REQUIRED WORK
Your answer should consist solely of the lines from the first line of the data through the line with "#203=IFCMATERIAL('Bronze anodised thermally", each reproduced exactly.

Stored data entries

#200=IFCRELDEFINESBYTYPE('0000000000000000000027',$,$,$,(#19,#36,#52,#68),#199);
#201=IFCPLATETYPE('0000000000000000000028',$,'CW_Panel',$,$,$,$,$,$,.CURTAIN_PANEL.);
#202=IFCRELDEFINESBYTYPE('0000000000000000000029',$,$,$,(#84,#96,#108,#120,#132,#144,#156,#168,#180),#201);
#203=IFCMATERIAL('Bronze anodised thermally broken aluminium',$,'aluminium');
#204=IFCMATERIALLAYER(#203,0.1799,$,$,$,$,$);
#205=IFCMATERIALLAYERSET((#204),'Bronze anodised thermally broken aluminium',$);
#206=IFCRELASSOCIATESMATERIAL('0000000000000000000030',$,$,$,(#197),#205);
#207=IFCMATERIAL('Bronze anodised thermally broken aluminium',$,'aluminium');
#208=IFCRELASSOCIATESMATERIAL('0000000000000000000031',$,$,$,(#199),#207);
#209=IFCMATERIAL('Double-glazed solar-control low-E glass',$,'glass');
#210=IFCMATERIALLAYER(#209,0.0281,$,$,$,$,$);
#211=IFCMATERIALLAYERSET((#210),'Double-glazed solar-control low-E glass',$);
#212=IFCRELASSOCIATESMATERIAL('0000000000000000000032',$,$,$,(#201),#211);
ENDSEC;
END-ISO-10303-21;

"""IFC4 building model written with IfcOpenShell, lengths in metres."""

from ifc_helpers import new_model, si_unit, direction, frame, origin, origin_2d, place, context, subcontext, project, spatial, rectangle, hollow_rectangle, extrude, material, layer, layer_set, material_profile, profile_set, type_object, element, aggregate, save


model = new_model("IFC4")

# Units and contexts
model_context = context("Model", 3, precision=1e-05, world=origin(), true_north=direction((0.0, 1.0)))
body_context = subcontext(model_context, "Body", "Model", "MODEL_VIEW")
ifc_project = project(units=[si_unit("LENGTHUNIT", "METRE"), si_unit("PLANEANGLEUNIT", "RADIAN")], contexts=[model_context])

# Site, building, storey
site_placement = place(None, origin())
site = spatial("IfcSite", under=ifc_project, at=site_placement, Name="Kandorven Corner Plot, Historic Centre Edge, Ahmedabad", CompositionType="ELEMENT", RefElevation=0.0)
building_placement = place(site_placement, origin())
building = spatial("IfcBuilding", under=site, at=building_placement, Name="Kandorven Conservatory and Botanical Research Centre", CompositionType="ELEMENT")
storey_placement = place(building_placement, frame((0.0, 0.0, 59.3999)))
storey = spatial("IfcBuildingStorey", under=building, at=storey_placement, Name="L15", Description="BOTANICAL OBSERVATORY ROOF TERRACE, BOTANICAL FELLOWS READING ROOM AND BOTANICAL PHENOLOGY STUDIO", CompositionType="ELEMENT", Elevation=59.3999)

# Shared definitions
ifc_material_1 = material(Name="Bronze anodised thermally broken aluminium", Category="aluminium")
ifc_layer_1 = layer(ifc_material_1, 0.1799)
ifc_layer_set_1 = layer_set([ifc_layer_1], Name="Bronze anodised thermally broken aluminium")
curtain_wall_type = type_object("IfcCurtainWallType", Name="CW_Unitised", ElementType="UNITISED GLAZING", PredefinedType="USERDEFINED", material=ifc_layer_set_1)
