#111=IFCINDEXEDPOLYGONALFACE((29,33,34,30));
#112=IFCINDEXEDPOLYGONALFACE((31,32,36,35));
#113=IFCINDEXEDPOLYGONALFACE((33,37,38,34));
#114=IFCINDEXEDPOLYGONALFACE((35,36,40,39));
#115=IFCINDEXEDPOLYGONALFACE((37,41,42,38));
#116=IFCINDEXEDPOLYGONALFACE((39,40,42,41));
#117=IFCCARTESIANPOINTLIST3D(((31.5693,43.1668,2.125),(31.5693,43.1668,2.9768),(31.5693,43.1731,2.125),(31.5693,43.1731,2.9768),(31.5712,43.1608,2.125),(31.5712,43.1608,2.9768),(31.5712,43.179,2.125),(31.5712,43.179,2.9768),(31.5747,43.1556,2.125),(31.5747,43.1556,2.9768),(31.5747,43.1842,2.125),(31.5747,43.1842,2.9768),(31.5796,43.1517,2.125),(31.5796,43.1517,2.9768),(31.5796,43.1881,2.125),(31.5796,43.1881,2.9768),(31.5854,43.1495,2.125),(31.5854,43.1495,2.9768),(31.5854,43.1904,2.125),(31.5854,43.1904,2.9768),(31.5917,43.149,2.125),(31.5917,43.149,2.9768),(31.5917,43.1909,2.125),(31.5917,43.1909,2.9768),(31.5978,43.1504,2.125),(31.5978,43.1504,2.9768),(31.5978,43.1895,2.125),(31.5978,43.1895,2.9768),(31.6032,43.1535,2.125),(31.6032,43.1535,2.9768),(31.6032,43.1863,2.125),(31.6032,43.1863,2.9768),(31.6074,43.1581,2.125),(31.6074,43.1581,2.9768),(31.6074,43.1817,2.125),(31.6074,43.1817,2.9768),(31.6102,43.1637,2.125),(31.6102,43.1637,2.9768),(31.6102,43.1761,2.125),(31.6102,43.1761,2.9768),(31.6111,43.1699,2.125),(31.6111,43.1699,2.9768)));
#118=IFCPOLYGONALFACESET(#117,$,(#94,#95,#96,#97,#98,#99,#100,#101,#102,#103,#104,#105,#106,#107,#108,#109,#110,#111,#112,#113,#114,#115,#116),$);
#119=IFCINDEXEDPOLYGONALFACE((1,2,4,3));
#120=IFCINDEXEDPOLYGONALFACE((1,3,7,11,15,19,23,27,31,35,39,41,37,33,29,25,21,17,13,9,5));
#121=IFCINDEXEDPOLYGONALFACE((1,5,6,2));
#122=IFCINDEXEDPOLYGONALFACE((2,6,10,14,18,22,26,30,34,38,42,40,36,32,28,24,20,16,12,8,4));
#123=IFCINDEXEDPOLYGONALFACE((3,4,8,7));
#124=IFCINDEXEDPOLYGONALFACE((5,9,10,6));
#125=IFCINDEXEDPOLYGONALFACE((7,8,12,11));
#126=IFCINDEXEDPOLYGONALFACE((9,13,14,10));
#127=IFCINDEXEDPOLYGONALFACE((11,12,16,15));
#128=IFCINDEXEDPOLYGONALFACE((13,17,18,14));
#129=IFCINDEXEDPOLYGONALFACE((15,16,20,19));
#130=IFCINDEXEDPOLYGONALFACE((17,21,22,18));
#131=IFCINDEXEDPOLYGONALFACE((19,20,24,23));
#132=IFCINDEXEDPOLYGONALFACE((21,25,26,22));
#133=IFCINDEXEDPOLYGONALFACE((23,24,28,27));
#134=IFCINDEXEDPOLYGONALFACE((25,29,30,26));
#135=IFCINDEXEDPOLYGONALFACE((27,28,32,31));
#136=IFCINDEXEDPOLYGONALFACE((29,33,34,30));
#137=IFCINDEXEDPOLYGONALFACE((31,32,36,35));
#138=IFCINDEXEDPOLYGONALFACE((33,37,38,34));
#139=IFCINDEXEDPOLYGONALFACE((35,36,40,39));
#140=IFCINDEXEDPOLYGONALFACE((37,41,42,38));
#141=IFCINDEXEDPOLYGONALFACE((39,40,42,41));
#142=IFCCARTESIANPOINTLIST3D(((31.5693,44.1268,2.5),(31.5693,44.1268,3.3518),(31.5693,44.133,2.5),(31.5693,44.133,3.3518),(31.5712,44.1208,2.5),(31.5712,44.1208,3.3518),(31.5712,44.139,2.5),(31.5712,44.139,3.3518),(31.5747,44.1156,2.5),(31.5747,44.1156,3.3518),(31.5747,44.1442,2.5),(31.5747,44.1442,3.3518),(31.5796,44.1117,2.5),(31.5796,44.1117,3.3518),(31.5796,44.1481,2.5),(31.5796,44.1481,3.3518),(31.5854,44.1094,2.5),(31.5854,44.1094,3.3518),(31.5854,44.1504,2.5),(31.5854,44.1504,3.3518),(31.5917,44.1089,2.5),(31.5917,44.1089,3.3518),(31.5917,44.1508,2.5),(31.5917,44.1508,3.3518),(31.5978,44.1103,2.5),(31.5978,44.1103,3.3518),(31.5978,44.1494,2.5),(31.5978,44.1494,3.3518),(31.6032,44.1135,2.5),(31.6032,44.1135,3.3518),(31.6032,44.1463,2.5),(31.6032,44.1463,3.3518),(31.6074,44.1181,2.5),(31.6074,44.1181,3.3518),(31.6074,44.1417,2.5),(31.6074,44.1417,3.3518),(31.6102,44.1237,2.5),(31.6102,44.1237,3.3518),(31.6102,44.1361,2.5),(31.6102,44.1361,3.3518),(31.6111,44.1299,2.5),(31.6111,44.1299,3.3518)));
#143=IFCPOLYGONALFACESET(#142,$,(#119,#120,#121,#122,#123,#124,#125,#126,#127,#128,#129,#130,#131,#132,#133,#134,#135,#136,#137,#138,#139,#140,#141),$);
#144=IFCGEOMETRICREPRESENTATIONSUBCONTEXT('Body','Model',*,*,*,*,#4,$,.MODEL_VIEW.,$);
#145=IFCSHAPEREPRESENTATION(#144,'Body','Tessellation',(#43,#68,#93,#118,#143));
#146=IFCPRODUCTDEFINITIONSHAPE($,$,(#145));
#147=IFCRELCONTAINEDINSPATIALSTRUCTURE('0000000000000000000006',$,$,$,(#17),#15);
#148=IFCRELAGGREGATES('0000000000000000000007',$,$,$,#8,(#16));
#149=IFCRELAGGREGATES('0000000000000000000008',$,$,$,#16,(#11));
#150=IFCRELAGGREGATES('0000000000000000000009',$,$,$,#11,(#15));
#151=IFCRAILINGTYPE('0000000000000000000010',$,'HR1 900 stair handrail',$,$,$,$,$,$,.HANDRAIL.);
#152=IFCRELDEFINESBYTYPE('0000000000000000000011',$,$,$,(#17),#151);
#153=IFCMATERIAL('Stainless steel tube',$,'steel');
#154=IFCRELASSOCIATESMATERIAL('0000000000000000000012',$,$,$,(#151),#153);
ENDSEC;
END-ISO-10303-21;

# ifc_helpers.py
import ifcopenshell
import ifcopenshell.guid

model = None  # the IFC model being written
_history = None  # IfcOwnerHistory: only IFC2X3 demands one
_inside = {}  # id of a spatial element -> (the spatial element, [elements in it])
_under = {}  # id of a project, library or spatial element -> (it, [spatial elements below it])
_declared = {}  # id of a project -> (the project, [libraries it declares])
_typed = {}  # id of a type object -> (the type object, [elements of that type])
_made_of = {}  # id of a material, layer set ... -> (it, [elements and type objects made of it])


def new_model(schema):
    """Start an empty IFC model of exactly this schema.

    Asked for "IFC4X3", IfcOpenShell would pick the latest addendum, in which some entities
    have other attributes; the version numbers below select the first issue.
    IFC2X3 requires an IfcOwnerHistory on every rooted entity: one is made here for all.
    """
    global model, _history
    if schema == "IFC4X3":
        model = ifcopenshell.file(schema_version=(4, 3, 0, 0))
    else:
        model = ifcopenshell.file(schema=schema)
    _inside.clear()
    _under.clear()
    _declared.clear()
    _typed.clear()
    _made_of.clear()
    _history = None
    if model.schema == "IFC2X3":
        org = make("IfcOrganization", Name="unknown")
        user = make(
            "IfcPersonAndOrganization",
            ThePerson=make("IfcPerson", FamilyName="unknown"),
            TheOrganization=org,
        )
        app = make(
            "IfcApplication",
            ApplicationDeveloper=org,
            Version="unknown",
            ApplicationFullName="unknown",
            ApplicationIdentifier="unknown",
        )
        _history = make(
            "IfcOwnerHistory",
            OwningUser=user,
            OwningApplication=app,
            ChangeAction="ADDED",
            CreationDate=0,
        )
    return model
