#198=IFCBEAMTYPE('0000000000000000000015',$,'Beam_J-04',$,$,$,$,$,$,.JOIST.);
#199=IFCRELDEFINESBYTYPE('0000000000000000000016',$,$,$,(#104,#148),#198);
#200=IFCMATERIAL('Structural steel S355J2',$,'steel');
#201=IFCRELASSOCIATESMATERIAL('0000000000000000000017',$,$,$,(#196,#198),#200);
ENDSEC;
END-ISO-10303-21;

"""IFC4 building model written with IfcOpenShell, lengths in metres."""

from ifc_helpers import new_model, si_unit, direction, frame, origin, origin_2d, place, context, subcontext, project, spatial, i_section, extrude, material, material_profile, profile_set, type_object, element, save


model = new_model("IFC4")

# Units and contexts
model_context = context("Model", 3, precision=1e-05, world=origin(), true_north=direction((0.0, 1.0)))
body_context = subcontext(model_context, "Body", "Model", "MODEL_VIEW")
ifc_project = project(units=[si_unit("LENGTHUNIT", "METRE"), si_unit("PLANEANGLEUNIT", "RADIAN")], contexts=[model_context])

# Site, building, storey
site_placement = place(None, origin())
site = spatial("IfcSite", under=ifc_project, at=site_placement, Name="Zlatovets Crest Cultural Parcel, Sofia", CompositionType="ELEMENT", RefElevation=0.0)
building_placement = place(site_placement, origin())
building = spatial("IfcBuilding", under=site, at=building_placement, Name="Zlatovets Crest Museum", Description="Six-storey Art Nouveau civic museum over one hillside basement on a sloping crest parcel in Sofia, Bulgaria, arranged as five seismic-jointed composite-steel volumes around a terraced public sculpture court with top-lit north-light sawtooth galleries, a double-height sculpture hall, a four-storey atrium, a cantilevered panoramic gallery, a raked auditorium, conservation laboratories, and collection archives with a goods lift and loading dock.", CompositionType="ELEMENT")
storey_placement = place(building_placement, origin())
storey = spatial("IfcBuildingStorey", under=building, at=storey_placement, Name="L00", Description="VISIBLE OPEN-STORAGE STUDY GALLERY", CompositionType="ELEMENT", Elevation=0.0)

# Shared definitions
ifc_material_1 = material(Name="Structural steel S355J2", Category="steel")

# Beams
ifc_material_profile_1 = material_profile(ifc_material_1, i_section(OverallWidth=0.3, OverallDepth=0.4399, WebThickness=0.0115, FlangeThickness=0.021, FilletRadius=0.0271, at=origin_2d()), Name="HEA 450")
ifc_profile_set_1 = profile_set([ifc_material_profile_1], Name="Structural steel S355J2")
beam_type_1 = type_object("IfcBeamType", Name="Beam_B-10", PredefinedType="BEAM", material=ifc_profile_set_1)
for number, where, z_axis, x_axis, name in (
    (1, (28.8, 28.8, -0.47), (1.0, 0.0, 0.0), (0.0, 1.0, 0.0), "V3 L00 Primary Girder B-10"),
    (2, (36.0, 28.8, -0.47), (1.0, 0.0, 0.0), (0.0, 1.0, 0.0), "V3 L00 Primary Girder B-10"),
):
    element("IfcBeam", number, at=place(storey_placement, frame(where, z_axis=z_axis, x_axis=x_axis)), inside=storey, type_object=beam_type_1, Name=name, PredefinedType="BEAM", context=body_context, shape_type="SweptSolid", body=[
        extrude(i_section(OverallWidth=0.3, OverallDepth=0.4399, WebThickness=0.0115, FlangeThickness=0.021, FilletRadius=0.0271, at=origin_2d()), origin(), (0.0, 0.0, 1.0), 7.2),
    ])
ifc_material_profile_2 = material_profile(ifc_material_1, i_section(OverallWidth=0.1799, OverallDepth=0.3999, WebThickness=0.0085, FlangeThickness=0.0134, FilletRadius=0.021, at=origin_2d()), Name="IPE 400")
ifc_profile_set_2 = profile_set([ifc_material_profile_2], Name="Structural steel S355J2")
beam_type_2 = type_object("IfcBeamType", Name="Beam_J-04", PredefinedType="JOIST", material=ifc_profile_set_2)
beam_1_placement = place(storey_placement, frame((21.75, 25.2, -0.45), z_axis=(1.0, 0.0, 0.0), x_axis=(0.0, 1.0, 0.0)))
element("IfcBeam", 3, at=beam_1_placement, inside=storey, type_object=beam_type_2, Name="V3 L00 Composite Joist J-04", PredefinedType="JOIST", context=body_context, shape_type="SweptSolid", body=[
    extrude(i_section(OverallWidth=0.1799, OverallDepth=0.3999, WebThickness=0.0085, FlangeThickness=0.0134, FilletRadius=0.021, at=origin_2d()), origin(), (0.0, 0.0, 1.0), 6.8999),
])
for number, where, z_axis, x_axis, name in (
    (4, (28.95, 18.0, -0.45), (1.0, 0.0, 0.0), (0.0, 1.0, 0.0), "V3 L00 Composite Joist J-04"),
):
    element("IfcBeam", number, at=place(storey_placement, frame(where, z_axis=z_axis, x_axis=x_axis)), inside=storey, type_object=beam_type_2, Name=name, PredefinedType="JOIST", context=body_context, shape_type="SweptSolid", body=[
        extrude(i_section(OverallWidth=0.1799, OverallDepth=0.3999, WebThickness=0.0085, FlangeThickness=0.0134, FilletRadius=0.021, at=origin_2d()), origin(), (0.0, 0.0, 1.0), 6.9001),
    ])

WRITTEN RESPONSE
#200=IFCRELDEFINESBYTYPE('0000000000000000000027',$,$,$,(#19,#36,#52,#68),#199);
#201=IFCPLATETYPE('0000000000000000000028',$,'CW_Panel',$,$,$,$,$,$,.CURTAIN_PANEL.);
#202=IFCRELDEFINESBYTYPE('0000000000000000000029',$,$,$,(#84,#96,#108,#120,#132,#144,#156,#168,#180),#201);
#203=IFCMATERIAL('Bronze anodised thermally broken aluminium',$,'aluminium');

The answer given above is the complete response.